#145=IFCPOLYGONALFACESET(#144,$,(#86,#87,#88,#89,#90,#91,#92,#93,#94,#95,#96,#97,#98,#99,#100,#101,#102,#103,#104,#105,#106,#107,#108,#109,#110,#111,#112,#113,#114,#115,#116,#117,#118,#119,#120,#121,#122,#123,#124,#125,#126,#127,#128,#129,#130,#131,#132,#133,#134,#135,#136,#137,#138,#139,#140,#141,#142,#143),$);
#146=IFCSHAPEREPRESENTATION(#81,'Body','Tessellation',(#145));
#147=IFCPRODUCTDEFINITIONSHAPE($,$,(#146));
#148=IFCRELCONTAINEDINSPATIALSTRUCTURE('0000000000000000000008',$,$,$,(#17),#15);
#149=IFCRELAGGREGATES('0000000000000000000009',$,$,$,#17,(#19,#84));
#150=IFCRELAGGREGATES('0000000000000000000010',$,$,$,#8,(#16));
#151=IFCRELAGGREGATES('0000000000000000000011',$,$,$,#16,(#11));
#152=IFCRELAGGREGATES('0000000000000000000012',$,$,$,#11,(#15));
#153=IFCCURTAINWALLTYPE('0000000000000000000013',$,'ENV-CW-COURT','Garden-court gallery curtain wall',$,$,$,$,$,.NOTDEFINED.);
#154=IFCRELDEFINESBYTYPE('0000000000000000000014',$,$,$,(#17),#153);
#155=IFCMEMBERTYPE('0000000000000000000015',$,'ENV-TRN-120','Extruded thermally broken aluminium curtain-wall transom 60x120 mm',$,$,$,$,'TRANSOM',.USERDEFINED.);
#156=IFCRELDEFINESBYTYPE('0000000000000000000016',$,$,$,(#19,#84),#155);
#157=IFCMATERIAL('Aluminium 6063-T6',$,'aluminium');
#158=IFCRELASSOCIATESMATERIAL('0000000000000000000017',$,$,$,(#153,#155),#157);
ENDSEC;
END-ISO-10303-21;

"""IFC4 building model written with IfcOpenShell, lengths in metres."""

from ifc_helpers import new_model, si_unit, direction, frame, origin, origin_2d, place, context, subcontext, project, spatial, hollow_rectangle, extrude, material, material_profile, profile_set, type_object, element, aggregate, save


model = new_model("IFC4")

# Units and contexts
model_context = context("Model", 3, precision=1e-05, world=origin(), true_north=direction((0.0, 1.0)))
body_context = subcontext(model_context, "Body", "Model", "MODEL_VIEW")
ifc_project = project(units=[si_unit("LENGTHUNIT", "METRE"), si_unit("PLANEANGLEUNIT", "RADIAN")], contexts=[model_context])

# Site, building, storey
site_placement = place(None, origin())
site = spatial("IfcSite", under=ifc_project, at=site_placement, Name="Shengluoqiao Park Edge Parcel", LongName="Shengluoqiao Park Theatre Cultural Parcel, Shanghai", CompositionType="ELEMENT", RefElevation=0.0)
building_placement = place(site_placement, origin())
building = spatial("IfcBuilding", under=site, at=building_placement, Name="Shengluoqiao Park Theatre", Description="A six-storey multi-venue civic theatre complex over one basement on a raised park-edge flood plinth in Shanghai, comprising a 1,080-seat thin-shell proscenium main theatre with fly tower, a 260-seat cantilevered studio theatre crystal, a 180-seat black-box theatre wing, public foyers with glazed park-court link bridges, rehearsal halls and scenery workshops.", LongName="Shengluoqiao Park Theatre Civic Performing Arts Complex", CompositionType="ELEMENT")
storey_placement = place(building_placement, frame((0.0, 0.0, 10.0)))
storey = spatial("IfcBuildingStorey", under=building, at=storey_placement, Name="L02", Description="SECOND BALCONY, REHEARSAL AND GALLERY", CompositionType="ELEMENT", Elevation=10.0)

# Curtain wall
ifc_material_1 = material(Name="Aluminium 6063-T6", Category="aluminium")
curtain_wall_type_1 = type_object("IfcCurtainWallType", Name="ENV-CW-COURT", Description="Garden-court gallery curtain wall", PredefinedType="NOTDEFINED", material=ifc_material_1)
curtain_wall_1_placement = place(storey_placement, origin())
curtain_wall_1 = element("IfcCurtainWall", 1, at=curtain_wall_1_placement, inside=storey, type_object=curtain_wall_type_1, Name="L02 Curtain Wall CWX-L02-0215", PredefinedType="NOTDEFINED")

### WHAT TO PRODUCE
Identify the lines of the data that contain the word "IFCRELAGGREGATES". Copy each of them.

### EXPECTED ANSWER
#149=IFCRELAGGREGATES('0000000000000000000009',$,$,$,#17,(#19,#84));
#150=IFCRELAGGREGATES('0000000000000000000010',$,$,$,#8,(#16));
#151=IFCRELAGGREGATES('0000000000000000000011',$,$,$,#16,(#11));
#152=IFCRELAGGREGATES('0000000000000000000012',$,$,$,#11,(#15));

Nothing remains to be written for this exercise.